• _WORK TASK_: From the data below, copy exactly the lines that lie between the one holding "#211=IFCMEMBERTYPE('0000000000000000000026',$,'CW2 bronze fin" and the one holding "#215=IFCMATERIAL('Steel ASTM A992", including both, and nothing more.
==*==
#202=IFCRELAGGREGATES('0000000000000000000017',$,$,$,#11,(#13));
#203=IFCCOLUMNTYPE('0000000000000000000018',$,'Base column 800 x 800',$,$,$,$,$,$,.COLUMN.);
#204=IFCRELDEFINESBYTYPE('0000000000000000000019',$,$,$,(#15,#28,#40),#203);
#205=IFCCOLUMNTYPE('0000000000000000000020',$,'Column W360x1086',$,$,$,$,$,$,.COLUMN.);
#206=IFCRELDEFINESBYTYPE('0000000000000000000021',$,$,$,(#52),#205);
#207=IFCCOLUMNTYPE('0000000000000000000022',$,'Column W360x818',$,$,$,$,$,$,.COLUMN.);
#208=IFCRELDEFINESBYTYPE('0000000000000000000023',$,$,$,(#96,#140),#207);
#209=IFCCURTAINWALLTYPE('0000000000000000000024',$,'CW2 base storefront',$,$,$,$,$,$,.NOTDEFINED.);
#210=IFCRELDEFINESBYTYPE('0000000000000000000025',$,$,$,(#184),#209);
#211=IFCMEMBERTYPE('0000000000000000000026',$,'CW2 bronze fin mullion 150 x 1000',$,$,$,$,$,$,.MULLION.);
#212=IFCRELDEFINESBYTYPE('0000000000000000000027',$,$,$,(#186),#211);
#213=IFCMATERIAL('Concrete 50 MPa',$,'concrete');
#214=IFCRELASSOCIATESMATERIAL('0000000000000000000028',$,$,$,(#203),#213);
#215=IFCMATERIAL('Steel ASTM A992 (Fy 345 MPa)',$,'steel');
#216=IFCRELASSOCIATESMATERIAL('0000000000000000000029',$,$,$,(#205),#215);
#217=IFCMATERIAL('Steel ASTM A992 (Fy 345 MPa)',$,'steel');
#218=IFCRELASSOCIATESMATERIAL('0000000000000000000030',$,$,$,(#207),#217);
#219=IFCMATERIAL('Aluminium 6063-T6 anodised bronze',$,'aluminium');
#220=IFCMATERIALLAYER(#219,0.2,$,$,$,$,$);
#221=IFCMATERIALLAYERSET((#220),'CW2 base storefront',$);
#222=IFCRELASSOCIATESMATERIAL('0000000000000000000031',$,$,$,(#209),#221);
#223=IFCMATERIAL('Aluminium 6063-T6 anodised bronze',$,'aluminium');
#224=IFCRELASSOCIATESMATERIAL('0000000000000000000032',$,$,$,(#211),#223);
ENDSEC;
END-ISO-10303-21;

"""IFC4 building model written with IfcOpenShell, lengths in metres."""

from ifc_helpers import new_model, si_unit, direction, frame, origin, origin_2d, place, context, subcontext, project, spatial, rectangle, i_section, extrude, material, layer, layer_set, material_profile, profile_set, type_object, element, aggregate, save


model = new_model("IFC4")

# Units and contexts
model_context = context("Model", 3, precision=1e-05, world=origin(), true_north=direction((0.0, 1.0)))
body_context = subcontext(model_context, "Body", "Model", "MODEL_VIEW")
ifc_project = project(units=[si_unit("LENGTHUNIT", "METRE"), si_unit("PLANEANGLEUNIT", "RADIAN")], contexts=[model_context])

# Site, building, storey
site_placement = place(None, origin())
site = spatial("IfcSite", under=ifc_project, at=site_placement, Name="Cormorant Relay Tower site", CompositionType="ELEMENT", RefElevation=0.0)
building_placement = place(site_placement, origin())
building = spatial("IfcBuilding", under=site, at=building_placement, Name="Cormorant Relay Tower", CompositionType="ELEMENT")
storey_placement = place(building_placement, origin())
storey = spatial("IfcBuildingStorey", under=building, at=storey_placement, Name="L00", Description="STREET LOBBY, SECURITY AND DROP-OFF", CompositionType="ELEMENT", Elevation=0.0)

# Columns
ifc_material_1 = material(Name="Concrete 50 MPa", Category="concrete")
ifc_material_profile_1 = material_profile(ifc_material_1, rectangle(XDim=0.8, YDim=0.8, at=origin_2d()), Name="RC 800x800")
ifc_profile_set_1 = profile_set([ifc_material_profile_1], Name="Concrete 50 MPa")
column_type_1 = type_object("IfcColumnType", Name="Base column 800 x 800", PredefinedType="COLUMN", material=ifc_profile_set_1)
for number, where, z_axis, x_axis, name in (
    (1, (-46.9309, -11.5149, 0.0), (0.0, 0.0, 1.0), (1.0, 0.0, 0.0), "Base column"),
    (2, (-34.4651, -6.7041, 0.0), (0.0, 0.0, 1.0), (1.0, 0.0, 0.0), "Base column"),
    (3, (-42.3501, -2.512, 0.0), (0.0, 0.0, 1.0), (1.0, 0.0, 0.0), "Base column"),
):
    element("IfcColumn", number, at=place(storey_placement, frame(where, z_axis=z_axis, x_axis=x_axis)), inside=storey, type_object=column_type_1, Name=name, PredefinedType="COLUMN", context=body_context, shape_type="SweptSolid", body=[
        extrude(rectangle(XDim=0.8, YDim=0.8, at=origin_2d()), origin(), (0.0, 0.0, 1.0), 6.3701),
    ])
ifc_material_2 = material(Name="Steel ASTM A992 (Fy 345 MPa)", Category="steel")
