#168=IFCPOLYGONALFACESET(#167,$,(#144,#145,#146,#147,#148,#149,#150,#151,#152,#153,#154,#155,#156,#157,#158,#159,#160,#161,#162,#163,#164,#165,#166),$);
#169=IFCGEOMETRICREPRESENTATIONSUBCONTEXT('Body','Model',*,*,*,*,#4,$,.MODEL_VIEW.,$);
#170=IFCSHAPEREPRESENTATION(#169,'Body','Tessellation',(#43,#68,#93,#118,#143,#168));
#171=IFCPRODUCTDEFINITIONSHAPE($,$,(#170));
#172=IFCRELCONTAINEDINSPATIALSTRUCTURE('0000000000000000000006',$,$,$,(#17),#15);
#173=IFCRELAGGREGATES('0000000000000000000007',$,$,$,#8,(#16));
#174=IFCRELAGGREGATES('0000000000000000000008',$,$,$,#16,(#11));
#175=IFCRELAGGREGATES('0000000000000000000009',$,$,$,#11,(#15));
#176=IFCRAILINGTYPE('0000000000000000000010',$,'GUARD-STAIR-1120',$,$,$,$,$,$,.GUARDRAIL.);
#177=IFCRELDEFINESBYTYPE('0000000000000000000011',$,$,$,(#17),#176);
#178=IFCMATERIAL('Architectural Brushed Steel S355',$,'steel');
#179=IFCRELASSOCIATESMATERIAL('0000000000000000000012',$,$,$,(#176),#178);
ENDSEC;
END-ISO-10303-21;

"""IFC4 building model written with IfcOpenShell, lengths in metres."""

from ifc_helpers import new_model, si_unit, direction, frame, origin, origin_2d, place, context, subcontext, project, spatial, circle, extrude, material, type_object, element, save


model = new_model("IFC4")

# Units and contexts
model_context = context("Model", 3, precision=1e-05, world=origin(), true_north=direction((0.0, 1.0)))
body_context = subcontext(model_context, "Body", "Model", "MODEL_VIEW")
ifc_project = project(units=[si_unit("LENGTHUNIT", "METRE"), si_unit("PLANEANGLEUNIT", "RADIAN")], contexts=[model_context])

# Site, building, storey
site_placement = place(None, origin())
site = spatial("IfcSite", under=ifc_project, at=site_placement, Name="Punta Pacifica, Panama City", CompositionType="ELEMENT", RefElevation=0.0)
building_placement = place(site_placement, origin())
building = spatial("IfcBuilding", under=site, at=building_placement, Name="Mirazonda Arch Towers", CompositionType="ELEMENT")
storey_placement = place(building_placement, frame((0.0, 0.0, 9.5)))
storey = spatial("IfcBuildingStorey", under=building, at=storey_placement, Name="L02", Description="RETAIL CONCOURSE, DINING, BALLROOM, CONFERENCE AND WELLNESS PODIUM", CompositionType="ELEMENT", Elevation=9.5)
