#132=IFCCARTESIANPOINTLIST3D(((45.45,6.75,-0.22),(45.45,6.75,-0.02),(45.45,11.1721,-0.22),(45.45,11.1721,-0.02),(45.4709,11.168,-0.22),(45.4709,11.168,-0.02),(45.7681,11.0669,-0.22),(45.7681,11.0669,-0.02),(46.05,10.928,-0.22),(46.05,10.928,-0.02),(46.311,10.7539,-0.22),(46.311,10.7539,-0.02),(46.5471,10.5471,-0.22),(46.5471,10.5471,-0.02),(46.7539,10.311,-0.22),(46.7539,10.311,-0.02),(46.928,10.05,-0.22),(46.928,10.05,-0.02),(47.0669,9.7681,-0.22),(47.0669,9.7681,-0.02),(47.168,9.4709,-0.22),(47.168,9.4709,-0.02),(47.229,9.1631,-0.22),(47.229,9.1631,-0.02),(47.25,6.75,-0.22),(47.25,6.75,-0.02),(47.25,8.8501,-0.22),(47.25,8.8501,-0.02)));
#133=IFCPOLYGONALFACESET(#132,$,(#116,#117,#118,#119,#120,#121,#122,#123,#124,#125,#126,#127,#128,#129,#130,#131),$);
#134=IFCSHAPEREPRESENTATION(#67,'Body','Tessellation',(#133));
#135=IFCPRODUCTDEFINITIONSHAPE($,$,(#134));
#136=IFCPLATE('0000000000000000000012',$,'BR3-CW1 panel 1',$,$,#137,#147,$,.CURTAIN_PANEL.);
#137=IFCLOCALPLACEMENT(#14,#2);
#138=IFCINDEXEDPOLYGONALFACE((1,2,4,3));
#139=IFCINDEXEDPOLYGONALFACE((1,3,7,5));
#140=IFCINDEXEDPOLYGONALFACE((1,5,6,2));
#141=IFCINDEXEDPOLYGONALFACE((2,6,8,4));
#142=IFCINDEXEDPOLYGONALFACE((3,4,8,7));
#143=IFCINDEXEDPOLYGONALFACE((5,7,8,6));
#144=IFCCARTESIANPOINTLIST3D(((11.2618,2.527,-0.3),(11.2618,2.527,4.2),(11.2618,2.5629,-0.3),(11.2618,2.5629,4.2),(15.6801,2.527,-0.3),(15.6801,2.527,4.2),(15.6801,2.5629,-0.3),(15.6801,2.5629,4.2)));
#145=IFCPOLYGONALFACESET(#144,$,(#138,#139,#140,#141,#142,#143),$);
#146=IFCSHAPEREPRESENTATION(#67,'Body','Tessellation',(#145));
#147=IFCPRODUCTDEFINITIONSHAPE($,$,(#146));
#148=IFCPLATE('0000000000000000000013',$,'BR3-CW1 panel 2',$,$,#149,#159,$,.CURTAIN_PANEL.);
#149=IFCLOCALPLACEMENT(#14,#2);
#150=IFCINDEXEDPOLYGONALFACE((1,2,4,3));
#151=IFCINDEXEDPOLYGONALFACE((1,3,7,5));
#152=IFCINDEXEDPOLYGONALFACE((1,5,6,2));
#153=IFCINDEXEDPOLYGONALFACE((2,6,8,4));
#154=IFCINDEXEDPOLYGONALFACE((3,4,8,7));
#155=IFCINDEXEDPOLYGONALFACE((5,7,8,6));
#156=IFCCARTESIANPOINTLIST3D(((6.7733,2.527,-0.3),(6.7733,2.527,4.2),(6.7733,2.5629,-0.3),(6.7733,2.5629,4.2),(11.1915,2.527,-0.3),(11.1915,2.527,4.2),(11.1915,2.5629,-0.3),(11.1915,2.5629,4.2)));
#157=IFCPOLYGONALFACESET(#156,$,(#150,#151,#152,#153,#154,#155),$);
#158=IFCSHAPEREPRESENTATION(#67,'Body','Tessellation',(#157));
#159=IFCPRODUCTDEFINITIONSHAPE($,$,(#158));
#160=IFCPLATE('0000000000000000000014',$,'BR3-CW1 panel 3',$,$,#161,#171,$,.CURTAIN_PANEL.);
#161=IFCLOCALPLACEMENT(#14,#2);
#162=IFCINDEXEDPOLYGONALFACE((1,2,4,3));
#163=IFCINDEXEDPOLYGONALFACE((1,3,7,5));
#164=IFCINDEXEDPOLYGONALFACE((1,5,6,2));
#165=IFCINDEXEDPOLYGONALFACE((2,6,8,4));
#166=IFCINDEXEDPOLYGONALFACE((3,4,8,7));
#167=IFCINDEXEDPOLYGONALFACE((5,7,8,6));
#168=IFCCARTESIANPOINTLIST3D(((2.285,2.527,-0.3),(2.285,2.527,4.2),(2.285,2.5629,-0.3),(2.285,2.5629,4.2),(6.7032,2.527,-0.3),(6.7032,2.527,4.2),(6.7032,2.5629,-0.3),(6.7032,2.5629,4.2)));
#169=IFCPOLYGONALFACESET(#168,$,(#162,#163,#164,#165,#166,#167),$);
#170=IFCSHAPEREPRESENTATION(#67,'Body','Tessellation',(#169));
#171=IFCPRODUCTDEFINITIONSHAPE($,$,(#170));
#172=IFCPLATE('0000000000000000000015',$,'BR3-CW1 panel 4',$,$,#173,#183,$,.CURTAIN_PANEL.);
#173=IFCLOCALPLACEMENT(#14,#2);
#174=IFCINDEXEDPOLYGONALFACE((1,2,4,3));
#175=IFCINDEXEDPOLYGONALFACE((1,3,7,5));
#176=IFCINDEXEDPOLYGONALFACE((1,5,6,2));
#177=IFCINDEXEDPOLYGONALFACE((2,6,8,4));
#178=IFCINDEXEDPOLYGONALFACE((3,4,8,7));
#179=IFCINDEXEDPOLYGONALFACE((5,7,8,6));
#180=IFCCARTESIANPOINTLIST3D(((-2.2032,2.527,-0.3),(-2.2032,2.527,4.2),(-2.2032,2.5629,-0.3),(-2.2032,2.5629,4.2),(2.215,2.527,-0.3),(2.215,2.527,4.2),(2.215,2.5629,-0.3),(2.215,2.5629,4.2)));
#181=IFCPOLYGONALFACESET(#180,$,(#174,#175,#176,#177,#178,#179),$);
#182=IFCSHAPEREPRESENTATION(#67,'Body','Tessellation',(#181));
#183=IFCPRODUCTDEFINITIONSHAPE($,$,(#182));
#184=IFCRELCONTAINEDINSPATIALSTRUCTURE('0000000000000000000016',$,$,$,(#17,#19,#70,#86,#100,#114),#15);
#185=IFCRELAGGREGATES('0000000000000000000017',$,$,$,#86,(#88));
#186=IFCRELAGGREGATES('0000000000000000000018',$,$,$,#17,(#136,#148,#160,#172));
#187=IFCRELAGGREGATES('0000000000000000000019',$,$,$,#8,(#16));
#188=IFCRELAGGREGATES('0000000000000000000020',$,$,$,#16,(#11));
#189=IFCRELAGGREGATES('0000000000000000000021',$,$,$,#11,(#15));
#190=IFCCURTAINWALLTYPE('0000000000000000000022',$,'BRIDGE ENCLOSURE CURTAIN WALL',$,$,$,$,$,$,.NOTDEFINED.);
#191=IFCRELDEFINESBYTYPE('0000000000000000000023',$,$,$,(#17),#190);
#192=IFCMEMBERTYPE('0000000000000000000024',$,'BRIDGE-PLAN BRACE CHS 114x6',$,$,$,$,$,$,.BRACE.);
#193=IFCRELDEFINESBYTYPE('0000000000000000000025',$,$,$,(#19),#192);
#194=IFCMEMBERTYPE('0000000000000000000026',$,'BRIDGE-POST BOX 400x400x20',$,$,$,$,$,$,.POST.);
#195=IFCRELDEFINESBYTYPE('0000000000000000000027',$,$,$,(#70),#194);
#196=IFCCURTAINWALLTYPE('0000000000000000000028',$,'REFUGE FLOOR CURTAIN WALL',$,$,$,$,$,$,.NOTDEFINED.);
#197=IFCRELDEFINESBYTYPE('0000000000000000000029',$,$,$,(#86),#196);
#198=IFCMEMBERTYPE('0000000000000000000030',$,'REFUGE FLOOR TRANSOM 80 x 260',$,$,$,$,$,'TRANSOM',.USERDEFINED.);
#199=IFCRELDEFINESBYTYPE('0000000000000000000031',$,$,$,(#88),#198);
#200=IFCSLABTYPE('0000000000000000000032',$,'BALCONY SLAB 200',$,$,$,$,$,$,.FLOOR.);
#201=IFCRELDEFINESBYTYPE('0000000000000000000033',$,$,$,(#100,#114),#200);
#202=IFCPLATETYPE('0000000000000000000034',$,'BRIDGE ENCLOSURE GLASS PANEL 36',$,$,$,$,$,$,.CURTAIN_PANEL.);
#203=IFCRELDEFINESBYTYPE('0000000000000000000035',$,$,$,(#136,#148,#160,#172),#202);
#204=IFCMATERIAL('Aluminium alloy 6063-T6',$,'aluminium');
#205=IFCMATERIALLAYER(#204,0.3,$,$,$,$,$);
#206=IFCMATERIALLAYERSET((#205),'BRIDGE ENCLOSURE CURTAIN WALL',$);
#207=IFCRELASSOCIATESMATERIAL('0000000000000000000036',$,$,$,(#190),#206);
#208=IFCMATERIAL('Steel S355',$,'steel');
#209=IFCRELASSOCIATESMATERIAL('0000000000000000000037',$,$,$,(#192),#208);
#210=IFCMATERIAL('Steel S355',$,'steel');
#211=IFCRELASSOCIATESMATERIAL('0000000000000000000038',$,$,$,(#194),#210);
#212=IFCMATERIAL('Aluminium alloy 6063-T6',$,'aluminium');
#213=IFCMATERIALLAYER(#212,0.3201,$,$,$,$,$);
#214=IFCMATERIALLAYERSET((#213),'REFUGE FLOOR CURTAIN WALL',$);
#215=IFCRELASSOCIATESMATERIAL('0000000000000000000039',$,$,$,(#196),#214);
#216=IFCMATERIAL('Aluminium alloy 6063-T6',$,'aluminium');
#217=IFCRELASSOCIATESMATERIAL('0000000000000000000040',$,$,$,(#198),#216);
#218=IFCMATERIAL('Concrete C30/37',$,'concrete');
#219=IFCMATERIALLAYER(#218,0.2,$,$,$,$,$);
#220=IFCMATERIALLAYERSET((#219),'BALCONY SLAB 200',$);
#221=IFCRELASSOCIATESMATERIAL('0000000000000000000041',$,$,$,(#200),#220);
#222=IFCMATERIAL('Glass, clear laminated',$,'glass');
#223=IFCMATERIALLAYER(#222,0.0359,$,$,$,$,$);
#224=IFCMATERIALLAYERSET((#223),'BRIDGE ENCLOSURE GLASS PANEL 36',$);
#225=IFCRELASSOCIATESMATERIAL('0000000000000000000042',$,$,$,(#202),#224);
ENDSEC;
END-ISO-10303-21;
==*==
• _THE COMPLETED TASK_:
#211=IFCMEMBERTYPE('0000000000000000000026',$,'CW2 bronze fin mullion 150 x 1000',$,$,$,$,$,$,.MULLION.);
#212=IFCRELDEFINESBYTYPE('0000000000000000000027',$,$,$,(#186),#211);
#213=IFCMATERIAL('Concrete 50 MPa',$,'concrete');
#214=IFCRELASSOCIATESMATERIAL('0000000000000000000028',$,$,$,(#203),#213);
#215=IFCMATERIAL('Steel ASTM A992 (Fy 345 MPa)',$,'steel');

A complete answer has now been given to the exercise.